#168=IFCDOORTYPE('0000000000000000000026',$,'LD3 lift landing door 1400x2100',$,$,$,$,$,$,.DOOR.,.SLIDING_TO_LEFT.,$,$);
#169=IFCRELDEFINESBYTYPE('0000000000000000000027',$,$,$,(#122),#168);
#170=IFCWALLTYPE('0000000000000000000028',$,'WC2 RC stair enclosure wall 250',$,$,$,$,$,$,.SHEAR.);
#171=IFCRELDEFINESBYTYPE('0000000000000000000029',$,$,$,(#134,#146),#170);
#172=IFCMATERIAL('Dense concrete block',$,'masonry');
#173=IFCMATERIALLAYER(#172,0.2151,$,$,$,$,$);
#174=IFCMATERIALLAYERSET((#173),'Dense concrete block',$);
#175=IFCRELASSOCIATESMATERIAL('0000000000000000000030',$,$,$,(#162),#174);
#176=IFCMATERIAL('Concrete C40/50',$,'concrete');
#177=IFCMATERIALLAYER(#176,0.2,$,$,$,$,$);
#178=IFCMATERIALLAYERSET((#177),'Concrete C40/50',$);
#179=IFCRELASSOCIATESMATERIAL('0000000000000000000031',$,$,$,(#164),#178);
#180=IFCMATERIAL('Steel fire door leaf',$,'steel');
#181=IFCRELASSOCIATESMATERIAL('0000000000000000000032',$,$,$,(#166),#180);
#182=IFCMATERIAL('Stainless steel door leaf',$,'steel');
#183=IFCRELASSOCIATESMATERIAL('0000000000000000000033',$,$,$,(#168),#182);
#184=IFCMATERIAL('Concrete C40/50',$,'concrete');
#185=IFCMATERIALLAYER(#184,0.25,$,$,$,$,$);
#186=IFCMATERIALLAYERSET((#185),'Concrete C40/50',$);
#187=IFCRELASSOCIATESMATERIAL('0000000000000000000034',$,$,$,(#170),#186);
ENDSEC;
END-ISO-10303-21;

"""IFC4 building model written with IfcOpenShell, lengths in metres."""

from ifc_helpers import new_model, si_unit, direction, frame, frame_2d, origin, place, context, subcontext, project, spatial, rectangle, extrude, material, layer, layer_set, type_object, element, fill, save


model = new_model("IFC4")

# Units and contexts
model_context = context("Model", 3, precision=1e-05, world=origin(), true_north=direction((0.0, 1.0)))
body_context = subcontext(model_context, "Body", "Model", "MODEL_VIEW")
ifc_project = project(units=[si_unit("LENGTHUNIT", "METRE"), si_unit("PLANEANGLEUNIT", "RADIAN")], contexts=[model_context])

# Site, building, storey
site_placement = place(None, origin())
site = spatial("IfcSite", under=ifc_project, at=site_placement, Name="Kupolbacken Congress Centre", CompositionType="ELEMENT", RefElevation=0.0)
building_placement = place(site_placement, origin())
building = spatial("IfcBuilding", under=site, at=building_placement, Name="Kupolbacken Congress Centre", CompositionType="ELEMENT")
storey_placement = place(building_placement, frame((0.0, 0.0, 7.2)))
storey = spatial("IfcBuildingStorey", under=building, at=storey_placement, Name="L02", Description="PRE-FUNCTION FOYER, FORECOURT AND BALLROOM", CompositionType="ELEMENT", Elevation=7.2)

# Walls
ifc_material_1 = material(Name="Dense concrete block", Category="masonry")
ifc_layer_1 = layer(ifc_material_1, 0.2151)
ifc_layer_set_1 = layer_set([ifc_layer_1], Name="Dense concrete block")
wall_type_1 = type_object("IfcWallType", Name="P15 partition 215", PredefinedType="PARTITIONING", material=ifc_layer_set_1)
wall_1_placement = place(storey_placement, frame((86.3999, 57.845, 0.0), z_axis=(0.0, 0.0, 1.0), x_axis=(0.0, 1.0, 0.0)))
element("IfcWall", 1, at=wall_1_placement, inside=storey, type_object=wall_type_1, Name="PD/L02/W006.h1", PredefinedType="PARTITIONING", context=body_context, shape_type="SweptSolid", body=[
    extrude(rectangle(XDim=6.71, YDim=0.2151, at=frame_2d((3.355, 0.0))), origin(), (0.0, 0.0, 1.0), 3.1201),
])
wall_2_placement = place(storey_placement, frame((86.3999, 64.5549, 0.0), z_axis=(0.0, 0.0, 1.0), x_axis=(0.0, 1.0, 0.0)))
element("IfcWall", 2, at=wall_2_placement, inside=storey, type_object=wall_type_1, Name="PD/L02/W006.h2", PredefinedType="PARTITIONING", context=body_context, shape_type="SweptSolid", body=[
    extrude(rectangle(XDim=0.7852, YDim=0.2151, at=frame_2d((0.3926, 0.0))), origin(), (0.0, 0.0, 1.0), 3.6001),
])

----

Among the lines above, find the one with "# Units and contexts" and the one with "site_placement = place(None, origin())". Quote both and everything between them, exactly.

# Units and contexts
model_context = context("Model", 3, precision=1e-05, world=origin(), true_north=direction((0.0, 1.0)))
body_context = subcontext(model_context, "Body", "Model", "MODEL_VIEW")
ifc_project = project(units=[si_unit("LENGTHUNIT", "METRE"), si_unit("PLANEANGLEUNIT", "RADIAN")], contexts=[model_context])

# Site, building, storey
site_placement = place(None, origin())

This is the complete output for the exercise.